WHAT THE TASK ASKS: From the entries that follow, copy each line containing the word "NOTDEFINED".

(Collected data)
........
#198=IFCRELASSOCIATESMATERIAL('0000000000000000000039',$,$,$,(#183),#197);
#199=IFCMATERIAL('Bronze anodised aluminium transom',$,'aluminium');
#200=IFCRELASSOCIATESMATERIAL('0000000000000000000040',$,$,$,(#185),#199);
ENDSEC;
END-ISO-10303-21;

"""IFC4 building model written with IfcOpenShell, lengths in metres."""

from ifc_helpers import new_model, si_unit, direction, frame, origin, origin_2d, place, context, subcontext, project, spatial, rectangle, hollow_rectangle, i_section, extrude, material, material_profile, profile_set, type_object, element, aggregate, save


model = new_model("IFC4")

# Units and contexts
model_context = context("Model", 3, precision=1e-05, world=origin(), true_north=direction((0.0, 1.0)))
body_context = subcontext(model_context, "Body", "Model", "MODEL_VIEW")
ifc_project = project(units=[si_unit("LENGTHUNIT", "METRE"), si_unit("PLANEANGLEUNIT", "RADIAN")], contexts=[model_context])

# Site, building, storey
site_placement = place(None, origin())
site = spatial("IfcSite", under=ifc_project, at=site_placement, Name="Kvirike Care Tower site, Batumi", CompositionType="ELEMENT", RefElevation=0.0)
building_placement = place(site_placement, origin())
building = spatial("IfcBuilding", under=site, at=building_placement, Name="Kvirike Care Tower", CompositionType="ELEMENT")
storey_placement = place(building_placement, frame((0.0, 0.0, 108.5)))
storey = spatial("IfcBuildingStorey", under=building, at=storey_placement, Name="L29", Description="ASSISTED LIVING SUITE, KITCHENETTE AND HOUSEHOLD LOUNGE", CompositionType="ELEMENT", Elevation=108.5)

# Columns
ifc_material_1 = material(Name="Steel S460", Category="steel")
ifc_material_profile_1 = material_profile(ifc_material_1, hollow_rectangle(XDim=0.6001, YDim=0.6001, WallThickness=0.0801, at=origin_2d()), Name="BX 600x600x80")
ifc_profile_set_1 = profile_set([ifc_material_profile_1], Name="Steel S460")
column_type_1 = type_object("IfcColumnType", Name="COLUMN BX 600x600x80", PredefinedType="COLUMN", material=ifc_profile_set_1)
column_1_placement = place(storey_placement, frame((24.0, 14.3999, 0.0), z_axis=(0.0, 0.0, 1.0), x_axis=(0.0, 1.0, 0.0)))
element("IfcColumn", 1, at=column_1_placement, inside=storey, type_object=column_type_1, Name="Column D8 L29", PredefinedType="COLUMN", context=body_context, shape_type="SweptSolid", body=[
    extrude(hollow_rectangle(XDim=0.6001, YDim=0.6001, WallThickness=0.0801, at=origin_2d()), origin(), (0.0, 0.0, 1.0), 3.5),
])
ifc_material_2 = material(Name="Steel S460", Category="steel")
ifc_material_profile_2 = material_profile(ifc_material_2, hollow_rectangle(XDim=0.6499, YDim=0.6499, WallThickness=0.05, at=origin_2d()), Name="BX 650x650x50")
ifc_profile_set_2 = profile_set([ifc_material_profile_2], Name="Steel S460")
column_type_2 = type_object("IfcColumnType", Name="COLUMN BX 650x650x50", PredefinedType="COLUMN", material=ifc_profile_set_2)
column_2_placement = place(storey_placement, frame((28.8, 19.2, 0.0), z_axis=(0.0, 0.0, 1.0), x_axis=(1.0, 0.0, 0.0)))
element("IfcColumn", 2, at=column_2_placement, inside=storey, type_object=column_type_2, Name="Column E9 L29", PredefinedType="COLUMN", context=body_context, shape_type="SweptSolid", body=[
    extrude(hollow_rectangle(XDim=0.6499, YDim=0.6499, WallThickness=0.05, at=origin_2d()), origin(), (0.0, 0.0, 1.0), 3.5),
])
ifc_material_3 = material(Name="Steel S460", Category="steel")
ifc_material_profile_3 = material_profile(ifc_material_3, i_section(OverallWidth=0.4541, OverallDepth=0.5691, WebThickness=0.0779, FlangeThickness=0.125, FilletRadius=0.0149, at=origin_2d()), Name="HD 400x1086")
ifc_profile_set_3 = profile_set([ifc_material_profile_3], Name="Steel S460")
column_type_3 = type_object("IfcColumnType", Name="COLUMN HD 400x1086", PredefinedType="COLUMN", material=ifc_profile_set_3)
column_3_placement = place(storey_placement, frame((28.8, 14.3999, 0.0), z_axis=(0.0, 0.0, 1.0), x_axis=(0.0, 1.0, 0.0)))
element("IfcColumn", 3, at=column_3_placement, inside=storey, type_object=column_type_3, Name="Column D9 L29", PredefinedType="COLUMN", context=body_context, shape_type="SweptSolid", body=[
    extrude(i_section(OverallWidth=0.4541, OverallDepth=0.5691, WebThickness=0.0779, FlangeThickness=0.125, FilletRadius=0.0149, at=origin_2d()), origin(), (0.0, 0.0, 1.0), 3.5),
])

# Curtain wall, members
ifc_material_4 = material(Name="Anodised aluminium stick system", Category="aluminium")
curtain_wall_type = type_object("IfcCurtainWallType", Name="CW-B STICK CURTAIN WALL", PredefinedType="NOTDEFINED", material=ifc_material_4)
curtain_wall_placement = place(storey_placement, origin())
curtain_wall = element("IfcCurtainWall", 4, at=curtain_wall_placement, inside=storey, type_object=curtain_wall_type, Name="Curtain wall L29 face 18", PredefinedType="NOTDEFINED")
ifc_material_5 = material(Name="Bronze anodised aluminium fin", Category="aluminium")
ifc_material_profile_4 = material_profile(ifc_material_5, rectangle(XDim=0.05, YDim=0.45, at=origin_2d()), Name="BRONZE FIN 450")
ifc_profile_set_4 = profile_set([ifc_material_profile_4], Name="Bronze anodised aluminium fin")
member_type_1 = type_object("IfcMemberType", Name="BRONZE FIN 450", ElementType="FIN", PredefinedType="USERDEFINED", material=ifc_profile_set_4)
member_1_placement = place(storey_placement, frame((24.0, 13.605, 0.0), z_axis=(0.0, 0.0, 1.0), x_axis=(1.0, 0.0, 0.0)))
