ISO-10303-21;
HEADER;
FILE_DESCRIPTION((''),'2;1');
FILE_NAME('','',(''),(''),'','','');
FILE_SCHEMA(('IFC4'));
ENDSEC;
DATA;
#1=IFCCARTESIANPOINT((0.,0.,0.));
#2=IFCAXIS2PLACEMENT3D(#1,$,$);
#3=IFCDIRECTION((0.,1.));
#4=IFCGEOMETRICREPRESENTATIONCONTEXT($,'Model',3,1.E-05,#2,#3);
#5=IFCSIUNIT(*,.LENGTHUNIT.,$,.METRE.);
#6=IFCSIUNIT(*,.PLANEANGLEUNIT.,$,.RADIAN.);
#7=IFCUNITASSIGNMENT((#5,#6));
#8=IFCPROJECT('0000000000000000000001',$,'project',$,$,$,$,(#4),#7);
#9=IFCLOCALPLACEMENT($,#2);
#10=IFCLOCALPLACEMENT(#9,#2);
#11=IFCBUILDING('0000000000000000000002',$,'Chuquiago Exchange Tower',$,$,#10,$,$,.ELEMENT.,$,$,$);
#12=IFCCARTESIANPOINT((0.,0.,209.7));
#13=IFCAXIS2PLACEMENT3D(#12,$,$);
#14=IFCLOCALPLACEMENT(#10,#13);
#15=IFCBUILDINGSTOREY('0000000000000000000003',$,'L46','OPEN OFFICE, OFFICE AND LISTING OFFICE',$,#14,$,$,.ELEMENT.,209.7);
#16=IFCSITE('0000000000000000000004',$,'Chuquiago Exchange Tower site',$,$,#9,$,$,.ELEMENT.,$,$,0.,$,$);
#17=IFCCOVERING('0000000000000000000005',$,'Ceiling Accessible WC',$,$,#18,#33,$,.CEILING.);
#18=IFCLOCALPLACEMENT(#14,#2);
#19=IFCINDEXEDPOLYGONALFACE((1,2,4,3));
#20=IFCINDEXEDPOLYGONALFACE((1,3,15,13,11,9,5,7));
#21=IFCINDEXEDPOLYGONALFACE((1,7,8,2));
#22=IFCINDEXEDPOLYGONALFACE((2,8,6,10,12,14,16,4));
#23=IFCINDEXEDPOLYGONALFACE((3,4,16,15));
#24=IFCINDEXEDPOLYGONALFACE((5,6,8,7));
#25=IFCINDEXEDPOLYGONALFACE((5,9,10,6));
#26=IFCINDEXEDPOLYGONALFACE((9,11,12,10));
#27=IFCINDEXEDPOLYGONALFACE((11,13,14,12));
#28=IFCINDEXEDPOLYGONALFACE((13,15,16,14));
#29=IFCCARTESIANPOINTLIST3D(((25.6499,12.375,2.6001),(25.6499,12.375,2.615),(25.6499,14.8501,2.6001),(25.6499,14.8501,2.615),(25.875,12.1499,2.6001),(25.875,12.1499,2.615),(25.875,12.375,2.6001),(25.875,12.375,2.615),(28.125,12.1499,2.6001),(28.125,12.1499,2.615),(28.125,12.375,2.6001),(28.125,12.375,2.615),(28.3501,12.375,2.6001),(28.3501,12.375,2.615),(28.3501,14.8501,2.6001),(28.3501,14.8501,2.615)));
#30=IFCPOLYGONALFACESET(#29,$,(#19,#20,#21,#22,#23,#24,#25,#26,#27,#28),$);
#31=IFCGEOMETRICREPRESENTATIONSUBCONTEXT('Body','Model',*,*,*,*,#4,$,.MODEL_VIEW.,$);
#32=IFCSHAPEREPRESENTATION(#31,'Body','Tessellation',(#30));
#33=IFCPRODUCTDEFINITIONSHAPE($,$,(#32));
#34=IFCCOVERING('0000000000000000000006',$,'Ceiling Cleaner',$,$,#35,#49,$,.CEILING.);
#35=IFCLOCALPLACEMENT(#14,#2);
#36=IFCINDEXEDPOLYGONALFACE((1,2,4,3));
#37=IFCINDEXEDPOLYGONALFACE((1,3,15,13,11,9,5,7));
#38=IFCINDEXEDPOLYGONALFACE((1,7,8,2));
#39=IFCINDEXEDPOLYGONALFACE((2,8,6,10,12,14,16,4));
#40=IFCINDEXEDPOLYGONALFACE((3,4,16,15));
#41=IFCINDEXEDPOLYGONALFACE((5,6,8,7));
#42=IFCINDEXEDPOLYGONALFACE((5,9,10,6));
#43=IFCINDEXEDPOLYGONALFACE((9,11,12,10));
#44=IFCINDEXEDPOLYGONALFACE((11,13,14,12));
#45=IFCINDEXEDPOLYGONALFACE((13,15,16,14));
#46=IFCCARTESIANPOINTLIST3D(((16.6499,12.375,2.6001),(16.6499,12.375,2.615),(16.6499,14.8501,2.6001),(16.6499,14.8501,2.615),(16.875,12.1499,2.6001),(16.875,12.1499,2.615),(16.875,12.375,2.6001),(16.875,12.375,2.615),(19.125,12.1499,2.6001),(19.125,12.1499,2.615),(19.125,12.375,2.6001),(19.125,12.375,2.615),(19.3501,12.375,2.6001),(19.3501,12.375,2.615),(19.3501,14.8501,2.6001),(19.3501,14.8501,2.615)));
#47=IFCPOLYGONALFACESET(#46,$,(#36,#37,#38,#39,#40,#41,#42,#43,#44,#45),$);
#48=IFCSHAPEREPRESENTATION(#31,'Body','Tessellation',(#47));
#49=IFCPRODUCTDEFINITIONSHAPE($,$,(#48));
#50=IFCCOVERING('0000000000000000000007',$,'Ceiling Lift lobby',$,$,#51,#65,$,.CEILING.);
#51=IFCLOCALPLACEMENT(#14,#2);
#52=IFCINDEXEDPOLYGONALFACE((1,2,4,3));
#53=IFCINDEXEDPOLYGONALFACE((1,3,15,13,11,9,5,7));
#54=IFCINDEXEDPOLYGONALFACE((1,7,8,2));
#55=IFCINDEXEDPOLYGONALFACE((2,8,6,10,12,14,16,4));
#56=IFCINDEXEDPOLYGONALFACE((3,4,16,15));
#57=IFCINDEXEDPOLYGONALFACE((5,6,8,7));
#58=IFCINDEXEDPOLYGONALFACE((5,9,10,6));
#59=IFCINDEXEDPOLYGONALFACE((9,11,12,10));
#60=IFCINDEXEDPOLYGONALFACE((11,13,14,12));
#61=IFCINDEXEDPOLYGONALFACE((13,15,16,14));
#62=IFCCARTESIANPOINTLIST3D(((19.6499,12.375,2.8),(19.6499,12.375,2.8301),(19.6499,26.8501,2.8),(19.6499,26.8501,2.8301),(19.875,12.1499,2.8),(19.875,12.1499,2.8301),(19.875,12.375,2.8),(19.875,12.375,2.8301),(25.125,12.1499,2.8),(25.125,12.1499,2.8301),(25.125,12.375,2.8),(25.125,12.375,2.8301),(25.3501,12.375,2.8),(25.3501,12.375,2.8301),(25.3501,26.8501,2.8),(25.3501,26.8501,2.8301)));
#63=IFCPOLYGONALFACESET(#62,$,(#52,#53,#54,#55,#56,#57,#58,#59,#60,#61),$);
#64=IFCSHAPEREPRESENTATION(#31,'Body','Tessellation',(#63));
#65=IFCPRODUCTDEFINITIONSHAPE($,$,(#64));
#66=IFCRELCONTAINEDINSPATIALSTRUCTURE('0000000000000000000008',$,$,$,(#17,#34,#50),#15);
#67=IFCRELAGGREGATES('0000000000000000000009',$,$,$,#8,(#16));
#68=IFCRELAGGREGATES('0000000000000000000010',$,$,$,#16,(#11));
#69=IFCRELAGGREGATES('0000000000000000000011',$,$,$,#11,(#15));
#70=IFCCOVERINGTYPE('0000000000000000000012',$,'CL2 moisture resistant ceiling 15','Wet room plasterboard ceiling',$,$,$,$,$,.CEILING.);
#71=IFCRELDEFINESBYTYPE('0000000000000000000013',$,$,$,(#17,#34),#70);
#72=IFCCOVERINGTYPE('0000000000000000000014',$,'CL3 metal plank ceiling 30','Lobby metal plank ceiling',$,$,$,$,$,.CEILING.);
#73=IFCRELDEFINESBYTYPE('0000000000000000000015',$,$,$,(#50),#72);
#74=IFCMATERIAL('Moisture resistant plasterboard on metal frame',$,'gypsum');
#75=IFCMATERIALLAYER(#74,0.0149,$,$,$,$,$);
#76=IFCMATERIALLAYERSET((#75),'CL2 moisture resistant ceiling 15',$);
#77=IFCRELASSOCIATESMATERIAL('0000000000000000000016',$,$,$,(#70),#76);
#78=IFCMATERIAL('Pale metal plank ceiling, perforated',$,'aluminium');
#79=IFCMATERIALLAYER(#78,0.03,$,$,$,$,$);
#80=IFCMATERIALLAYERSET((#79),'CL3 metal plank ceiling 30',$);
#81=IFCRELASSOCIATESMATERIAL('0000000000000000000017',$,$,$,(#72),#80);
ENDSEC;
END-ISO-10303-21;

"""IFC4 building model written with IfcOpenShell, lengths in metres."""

from ifc_helpers import new_model, si_unit, direction, frame, origin, place, context, subcontext, project, spatial, polyline, outline, extrude, material, layer, layer_set, type_object, element, save


model = new_model("IFC4")

# Units and contexts
model_context = context("Model", 3, precision=1e-05, world=origin(), true_north=direction((0.0, 1.0)))
body_context = subcontext(model_context, "Body", "Model", "MODEL_VIEW")
ifc_project = project(units=[si_unit("LENGTHUNIT", "METRE"), si_unit("PLANEANGLEUNIT", "RADIAN")], contexts=[model_context])

# Site, building, storey
site_placement = place(None, origin())
site = spatial("IfcSite", under=ifc_project, at=site_placement, Name="Chuquiago Exchange Tower site", CompositionType="ELEMENT", RefElevation=0.0)
building_placement = place(site_placement, origin())
building = spatial("IfcBuilding", under=site, at=building_placement, Name="Chuquiago Exchange Tower", CompositionType="ELEMENT")
storey_placement = place(building_placement, frame((0.0, 0.0, 209.7)))
storey = spatial("IfcBuildingStorey", under=building, at=storey_placement, Name="L46", Description="OPEN OFFICE, OFFICE AND LISTING OFFICE", CompositionType="ELEMENT", Elevation=209.7)

# Coverings
ifc_material_1 = material(Name="Moisture resistant plasterboard on metal frame", Category="gypsum")
ifc_layer_1 = layer(ifc_material_1, 0.0149)
ifc_layer_set_1 = layer_set([ifc_layer_1], Name="CL2 moisture resistant ceiling 15")
covering_type_1 = type_object("IfcCoveringType", Name="CL2 moisture resistant ceiling 15", Description="Wet room plasterboard ceiling", PredefinedType="CEILING", material=ifc_layer_set_1)
covering_1_placement = place(storey_placement, frame((0.0, 0.0, 2.6001)))
element("IfcCovering", 1, at=covering_1_placement, inside=storey, type_object=covering_type_1, Name="Ceiling Accessible WC", PredefinedType="CEILING", context=body_context, shape_type="SweptSolid", body=[
    extrude(outline(polyline([(25.875, 12.1499), (25.875, 12.375), (25.6499, 12.375), (25.6499, 14.8501), (28.3501, 14.8501), (28.3501, 12.375), (28.125, 12.375), (28.125, 12.1499), (25.875, 12.1499)])), origin(), (0.0, 0.0, 1.0), 0.0149),
])
covering_2_placement = place(storey_placement, frame((0.0, 0.0, 2.6001)))
element("IfcCovering", 2, at=covering_2_placement, inside=storey, type_object=covering_type_1, Name="Ceiling Cleaner", PredefinedType="CEILING", context=body_context, shape_type="SweptSolid", body=[
    extrude(outline(polyline([(16.875, 12.1499), (16.875, 12.375), (16.6499, 12.375), (16.6499, 14.8501), (19.3501, 14.8501), (19.3501, 12.375), (19.125, 12.375), (19.125, 12.1499), (16.875, 12.1499)])), origin(), (0.0, 0.0, 1.0), 0.0149),
])
ifc_material_2 = material(Name="Pale metal plank ceiling, perforated", Category="aluminium")
ifc_layer_2 = layer(ifc_material_2, 0.03)
ifc_layer_set_2 = layer_set([ifc_layer_2], Name="CL3 metal plank ceiling 30")
covering_type_2 = type_object("IfcCoveringType", Name="CL3 metal plank ceiling 30", Description="Lobby metal plank ceiling", PredefinedType="CEILING", material=ifc_layer_set_2)
covering_3_placement = place(storey_placement, frame((0.0, 0.0, 2.8)))
element("IfcCovering", 3, at=covering_3_placement, inside=storey, type_object=covering_type_2, Name="Ceiling Lift lobby", PredefinedType="CEILING", context=body_context, shape_type="SweptSolid", body=[
    extrude(outline(polyline([(19.875, 12.1499), (19.875, 12.375), (19.6499, 12.375), (19.6499, 26.8501), (25.3501, 26.8501), (25.3501, 12.375), (25.125, 12.375), (25.125, 12.1499), (19.875, 12.1499)])), origin(), (0.0, 0.0, 1.0), 0.03),
])

save(model, "model.ifc")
........
REPLY TO THE EXERCISE:
curtain_wall_type = type_object("IfcCurtainWallType", Name="CW-B STICK CURTAIN WALL", PredefinedType="NOTDEFINED", material=ifc_material_4)
curtain_wall = element("IfcCurtainWall", 4, at=curtain_wall_placement, inside=storey, type_object=curtain_wall_type, Name="Curtain wall L29 face 18", PredefinedType="NOTDEFINED")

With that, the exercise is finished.